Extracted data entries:
====================

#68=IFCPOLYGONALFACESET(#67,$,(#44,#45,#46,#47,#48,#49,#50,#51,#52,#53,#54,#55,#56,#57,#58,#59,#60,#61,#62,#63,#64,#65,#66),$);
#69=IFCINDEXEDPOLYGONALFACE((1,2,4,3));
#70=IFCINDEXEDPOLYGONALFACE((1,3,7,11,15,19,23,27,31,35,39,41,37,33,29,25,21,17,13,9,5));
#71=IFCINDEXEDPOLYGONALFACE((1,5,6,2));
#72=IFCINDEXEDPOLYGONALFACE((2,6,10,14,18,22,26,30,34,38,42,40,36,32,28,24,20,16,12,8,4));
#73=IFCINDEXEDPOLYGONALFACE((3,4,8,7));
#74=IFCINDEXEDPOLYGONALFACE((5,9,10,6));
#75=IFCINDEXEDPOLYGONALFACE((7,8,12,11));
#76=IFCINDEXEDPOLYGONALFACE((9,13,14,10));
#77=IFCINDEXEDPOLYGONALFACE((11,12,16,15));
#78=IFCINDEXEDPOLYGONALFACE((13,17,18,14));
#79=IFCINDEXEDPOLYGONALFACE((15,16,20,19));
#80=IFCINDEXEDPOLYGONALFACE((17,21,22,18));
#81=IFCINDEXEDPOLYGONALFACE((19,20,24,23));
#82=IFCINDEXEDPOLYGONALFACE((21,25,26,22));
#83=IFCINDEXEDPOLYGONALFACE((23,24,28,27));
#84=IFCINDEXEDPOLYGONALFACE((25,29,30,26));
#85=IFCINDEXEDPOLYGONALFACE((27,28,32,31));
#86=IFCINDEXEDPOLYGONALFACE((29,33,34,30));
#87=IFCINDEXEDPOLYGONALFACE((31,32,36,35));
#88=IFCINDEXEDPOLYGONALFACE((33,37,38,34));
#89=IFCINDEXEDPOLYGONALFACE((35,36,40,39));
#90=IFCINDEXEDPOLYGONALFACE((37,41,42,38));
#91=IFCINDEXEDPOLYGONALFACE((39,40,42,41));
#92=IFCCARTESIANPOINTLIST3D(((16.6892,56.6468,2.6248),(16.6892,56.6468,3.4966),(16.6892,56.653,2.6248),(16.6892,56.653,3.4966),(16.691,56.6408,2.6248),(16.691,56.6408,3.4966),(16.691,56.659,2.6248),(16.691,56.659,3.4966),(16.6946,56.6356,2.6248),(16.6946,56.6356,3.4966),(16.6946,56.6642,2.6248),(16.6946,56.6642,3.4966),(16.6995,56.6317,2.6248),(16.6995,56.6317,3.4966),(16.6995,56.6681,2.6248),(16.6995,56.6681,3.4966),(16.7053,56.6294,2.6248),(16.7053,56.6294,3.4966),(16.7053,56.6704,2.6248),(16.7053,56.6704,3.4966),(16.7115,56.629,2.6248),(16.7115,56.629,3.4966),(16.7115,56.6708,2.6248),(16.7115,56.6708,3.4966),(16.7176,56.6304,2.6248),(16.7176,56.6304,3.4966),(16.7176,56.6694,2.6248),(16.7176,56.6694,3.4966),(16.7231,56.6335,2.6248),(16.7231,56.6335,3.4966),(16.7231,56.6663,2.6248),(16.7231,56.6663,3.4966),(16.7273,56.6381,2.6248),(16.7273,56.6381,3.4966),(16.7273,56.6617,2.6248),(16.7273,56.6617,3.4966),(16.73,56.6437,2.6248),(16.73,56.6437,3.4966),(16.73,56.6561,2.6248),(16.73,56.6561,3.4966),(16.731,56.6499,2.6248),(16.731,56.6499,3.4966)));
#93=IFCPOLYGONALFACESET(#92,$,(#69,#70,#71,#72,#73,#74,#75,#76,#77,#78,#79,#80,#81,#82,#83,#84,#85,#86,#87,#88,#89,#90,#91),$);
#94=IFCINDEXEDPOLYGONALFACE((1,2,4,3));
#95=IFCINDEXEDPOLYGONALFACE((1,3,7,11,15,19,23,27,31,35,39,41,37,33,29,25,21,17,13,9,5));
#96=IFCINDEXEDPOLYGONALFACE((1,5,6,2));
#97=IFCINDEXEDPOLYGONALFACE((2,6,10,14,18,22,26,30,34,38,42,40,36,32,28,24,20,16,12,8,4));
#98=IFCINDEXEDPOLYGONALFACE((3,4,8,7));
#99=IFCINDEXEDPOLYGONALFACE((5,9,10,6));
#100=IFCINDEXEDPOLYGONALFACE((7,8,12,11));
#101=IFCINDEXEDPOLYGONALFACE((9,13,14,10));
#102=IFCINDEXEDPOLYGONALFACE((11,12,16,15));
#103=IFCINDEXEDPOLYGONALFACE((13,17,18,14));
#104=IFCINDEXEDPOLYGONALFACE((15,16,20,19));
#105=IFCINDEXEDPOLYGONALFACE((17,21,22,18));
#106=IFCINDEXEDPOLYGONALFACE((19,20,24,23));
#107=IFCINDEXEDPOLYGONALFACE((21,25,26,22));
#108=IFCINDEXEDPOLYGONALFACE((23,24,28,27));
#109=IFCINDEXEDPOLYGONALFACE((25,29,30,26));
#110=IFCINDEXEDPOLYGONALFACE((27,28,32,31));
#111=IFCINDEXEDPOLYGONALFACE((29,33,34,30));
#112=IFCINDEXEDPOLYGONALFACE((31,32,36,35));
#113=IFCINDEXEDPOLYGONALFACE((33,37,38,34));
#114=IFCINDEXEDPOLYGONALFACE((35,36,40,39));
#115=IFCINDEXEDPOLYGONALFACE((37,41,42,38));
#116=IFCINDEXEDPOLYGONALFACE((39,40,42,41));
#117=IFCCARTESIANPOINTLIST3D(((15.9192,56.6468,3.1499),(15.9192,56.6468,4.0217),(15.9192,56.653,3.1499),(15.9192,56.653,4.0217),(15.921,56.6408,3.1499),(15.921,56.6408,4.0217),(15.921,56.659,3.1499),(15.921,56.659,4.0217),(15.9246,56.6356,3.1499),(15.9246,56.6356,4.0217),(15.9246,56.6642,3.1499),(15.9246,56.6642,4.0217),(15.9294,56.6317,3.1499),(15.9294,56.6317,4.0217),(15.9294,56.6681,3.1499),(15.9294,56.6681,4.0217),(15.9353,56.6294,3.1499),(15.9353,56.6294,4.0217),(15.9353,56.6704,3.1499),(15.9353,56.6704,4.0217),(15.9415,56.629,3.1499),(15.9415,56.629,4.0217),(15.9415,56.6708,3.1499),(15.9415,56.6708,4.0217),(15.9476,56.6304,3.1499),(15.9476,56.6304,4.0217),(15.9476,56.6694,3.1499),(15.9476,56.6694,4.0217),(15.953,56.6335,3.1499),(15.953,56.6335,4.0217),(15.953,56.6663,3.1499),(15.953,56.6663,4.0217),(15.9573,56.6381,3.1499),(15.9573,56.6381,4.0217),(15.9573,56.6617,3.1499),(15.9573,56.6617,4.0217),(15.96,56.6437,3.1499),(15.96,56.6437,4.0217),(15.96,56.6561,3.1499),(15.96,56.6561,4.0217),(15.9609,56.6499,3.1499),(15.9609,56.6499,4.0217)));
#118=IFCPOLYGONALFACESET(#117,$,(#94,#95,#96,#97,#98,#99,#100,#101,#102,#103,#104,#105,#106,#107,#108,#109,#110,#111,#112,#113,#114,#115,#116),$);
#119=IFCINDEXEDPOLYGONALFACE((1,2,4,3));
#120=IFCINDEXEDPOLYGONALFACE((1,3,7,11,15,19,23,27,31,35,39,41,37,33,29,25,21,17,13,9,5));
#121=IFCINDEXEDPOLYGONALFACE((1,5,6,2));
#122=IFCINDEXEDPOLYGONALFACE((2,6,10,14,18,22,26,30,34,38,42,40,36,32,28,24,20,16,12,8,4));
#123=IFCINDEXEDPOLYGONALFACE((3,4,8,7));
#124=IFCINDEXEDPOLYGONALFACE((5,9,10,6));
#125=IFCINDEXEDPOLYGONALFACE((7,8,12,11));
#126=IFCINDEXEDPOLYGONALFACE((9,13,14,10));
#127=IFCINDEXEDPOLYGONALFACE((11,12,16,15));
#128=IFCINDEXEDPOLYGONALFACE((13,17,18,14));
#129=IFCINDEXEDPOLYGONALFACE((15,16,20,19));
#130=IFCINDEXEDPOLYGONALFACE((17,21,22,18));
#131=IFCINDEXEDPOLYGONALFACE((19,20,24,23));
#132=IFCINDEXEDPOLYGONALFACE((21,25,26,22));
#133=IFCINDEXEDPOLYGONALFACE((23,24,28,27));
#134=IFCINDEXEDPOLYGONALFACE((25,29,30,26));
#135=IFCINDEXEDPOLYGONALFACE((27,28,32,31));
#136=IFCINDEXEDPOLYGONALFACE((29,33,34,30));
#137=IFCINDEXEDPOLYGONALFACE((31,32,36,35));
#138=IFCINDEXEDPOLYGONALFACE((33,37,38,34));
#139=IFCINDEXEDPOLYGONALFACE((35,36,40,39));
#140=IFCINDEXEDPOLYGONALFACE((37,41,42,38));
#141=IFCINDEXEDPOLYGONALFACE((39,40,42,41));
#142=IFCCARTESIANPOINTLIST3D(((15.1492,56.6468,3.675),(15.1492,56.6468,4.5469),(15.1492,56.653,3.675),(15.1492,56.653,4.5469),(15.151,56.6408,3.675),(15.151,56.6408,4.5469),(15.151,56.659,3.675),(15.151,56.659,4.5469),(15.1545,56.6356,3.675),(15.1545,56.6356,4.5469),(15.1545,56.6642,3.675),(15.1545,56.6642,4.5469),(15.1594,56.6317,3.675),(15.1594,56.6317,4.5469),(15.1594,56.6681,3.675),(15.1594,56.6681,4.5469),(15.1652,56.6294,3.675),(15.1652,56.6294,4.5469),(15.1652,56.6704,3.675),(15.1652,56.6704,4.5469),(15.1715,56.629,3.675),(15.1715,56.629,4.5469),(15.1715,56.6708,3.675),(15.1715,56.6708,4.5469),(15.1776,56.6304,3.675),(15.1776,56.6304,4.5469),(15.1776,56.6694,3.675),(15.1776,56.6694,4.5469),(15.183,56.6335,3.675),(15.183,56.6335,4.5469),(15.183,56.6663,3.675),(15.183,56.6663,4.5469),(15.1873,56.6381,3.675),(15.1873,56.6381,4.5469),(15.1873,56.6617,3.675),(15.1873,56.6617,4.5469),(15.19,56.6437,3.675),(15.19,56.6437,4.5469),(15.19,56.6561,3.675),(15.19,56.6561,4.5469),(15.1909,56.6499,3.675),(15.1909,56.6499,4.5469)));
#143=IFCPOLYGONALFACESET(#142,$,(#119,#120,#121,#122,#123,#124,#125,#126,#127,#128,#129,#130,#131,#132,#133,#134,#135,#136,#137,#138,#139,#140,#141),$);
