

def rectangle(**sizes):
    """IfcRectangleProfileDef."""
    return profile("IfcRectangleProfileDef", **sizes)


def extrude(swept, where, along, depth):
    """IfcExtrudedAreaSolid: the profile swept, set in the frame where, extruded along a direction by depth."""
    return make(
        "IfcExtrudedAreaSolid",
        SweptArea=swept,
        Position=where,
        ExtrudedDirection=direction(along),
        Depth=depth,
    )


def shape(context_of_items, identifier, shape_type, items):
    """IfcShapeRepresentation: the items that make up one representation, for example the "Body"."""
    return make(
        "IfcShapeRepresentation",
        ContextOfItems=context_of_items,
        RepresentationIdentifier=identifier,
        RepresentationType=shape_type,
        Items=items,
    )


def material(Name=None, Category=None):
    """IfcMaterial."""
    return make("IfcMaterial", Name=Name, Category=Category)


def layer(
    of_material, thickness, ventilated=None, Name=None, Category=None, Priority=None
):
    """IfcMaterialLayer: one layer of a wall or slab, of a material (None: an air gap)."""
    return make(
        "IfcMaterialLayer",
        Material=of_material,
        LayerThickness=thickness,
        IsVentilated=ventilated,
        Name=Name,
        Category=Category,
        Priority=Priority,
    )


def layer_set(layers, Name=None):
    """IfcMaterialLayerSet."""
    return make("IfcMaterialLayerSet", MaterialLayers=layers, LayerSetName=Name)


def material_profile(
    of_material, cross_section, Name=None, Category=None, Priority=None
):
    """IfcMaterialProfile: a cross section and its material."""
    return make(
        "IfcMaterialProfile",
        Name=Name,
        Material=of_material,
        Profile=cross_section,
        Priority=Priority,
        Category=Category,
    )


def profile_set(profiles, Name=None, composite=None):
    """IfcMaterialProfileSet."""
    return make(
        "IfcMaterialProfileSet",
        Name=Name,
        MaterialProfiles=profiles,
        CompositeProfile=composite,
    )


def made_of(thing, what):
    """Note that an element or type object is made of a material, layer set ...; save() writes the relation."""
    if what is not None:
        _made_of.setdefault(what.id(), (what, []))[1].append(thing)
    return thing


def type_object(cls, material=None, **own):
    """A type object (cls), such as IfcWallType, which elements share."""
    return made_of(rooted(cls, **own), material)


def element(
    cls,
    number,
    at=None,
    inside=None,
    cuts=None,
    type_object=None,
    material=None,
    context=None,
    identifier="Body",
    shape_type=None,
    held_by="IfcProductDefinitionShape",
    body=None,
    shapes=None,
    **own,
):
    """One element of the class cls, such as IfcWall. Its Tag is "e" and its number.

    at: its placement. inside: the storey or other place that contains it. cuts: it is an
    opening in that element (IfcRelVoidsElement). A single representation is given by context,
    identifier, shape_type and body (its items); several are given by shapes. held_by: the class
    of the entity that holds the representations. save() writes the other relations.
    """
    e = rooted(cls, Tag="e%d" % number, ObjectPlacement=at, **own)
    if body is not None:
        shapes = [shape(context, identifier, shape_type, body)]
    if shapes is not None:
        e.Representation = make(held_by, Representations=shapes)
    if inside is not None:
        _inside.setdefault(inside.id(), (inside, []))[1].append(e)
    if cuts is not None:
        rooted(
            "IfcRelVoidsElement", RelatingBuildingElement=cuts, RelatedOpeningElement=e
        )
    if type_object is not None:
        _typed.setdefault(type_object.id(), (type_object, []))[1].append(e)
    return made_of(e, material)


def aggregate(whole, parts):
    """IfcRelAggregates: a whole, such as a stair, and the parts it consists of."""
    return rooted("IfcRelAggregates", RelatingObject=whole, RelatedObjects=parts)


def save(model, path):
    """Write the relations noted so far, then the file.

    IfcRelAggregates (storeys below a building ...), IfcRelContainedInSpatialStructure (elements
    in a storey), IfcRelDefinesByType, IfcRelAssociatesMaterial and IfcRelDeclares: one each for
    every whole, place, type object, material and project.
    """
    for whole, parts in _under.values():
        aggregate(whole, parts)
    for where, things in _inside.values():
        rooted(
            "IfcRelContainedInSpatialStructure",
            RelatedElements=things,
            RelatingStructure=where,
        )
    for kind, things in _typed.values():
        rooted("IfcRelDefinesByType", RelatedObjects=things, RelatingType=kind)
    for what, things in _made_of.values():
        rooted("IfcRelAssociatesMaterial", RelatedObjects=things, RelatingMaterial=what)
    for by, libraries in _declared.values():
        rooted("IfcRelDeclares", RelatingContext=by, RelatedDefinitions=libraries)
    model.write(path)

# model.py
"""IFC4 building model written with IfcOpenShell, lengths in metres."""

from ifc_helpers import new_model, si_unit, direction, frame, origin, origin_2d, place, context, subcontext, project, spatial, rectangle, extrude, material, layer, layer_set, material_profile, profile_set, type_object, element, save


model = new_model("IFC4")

====================

:: Aim of the task ::
What is the number of lines in the data that include "IfcMaterialLayerSet"? Answer with that number alone.

:: Written response ::
2